[Start of Attachment]

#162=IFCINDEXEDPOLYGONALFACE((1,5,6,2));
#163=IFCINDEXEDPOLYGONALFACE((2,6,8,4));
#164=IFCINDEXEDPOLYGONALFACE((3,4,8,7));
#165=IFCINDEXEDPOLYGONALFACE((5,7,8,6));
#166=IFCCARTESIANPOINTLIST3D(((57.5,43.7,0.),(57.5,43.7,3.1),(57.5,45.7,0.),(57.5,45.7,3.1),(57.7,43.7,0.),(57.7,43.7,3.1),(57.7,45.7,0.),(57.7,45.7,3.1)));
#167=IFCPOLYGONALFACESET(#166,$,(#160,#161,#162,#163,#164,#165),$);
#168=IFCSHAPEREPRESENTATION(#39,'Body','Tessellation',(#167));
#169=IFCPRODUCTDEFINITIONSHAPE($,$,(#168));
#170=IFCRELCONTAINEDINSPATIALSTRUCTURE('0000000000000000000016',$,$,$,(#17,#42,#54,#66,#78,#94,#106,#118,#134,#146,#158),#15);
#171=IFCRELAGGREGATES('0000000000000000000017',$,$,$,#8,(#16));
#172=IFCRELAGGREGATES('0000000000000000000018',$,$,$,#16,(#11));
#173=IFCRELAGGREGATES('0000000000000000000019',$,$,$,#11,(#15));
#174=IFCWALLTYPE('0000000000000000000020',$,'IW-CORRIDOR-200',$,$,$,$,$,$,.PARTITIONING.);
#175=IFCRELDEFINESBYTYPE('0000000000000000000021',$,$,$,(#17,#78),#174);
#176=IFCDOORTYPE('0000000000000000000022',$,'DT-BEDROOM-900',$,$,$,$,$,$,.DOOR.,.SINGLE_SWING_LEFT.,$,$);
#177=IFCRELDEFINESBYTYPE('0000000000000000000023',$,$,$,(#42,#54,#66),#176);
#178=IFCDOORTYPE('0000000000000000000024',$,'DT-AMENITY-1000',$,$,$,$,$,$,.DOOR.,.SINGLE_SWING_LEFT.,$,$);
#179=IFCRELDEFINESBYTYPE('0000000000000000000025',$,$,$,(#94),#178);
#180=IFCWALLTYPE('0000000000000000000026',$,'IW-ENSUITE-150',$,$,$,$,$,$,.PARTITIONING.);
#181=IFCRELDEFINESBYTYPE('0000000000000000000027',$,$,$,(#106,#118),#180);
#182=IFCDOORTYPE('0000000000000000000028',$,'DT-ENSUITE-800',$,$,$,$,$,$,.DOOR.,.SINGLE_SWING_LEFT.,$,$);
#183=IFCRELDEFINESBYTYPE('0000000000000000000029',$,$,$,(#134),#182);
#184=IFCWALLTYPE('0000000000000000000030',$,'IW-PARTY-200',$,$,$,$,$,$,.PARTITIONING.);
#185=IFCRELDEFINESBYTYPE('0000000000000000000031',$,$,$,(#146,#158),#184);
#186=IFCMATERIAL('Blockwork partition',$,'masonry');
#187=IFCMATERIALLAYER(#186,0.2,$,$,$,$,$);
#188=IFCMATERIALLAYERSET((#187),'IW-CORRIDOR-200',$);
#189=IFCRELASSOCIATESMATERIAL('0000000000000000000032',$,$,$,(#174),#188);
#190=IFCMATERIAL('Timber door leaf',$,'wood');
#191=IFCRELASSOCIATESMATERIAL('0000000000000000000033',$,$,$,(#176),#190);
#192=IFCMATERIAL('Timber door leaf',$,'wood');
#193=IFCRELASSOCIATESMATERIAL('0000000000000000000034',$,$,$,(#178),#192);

[End of Attachment]
[Start of Attachment]

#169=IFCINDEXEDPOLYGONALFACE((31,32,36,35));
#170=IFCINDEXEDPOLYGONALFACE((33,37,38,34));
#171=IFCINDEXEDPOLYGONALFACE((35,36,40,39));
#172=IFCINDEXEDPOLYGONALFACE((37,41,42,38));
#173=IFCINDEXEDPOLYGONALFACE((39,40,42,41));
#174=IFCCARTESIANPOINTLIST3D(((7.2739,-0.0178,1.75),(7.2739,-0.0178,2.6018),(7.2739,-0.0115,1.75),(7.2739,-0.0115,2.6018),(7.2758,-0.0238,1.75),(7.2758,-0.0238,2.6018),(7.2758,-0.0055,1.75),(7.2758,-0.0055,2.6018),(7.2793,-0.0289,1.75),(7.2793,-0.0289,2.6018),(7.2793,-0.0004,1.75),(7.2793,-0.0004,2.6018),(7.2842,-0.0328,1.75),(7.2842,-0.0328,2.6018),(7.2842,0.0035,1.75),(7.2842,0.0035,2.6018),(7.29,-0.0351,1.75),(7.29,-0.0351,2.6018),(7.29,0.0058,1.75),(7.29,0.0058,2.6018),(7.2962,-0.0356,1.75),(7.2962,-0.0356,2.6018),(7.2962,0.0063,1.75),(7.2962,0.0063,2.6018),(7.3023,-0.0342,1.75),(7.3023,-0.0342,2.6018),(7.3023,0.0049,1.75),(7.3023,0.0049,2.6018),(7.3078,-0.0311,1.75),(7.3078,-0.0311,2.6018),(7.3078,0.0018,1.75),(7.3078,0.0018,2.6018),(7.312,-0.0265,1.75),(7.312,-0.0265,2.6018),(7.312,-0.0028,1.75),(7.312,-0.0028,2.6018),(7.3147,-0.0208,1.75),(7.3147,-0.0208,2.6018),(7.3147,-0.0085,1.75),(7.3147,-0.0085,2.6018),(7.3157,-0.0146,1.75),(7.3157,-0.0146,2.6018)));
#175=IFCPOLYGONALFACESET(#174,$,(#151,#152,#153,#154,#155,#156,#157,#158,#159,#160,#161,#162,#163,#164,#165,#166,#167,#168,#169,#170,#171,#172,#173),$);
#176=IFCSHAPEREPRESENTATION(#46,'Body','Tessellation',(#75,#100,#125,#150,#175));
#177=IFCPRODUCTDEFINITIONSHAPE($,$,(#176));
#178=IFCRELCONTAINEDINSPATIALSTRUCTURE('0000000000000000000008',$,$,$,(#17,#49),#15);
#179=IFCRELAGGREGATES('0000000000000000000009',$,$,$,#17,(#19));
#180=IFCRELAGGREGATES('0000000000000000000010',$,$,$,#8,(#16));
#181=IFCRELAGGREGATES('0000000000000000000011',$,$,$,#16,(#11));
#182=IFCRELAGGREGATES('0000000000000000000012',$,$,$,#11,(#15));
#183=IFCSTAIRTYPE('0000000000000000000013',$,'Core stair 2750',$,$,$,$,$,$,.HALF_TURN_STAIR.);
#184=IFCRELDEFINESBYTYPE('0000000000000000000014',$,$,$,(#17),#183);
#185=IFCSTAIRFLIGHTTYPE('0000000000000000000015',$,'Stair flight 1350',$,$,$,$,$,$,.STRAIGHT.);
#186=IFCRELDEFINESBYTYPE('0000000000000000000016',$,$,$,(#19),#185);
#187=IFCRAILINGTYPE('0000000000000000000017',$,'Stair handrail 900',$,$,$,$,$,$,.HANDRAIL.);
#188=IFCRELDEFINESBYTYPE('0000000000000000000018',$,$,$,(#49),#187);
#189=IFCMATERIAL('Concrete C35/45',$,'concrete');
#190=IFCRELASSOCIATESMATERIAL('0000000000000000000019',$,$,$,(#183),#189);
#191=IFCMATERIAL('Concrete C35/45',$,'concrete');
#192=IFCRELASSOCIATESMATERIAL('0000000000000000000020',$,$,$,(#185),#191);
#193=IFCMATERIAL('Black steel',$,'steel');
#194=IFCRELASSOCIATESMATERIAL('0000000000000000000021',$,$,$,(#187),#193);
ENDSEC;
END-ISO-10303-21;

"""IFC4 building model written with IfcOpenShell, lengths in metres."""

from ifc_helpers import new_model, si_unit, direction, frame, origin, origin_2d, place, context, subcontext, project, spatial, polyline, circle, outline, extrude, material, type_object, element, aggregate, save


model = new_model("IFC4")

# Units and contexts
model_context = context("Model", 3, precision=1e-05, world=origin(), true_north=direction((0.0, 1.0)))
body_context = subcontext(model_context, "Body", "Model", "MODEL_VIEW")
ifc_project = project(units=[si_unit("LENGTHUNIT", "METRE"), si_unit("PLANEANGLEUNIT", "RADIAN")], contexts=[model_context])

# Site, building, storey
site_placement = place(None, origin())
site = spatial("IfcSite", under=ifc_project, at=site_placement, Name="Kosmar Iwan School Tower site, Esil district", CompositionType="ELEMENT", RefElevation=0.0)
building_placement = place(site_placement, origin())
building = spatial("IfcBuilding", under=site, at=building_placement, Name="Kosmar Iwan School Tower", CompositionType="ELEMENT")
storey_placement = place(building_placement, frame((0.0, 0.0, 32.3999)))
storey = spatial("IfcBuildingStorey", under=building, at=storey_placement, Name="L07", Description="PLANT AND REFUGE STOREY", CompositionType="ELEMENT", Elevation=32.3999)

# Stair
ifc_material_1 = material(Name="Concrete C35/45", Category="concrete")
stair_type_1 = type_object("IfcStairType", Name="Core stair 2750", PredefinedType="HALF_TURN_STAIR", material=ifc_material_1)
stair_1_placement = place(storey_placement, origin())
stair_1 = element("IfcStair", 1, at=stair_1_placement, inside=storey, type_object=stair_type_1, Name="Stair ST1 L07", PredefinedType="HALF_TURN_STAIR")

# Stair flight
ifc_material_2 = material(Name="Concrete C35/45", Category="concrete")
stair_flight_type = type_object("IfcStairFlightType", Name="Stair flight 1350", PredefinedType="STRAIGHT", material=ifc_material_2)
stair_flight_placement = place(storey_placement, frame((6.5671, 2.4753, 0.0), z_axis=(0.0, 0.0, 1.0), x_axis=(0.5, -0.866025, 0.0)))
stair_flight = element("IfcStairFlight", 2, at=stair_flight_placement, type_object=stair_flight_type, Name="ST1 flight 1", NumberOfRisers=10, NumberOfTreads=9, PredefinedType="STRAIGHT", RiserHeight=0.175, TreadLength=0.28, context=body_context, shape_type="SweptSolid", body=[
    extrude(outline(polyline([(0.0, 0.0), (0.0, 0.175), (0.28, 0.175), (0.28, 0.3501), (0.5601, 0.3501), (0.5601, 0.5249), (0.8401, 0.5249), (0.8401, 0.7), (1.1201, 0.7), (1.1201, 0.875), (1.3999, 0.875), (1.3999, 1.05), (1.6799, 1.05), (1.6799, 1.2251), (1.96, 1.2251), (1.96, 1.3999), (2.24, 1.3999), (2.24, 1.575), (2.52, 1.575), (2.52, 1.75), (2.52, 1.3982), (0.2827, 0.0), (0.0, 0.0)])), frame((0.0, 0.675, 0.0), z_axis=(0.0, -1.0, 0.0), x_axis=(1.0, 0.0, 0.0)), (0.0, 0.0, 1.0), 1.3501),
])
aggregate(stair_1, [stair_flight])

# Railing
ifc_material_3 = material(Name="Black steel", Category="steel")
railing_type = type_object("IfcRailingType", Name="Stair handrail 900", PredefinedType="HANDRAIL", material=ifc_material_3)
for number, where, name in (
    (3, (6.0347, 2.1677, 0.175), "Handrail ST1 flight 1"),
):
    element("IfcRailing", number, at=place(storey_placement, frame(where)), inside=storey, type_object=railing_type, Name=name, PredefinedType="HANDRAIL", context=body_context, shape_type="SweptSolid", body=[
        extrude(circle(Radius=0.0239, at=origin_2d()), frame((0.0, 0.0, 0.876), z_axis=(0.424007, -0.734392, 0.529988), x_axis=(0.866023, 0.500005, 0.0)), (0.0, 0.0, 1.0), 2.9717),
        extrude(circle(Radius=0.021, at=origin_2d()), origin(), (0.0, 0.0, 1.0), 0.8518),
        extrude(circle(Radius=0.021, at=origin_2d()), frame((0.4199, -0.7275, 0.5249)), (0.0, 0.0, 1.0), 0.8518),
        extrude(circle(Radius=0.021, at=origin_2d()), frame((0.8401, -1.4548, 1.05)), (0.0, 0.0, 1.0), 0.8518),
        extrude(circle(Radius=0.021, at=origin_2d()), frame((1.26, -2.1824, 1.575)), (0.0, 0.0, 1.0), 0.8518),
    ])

[End of Attachment]

## Your objective
From the entries above, copy each line that holds "IFCINDEXEDPOLYGONALFACE".

## Answer section
#162=IFCINDEXEDPOLYGONALFACE((1,5,6,2));
#163=IFCINDEXEDPOLYGONALFACE((2,6,8,4));
#164=IFCINDEXEDPOLYGONALFACE((3,4,8,7));
#165=IFCINDEXEDPOLYGONALFACE((5,7,8,6));
#169=IFCINDEXEDPOLYGONALFACE((31,32,36,35));
#170=IFCINDEXEDPOLYGONALFACE((33,37,38,34));
#171=IFCINDEXEDPOLYGONALFACE((35,36,40,39));
#172=IFCINDEXEDPOLYGONALFACE((37,41,42,38));
#173=IFCINDEXEDPOLYGONALFACE((39,40,42,41));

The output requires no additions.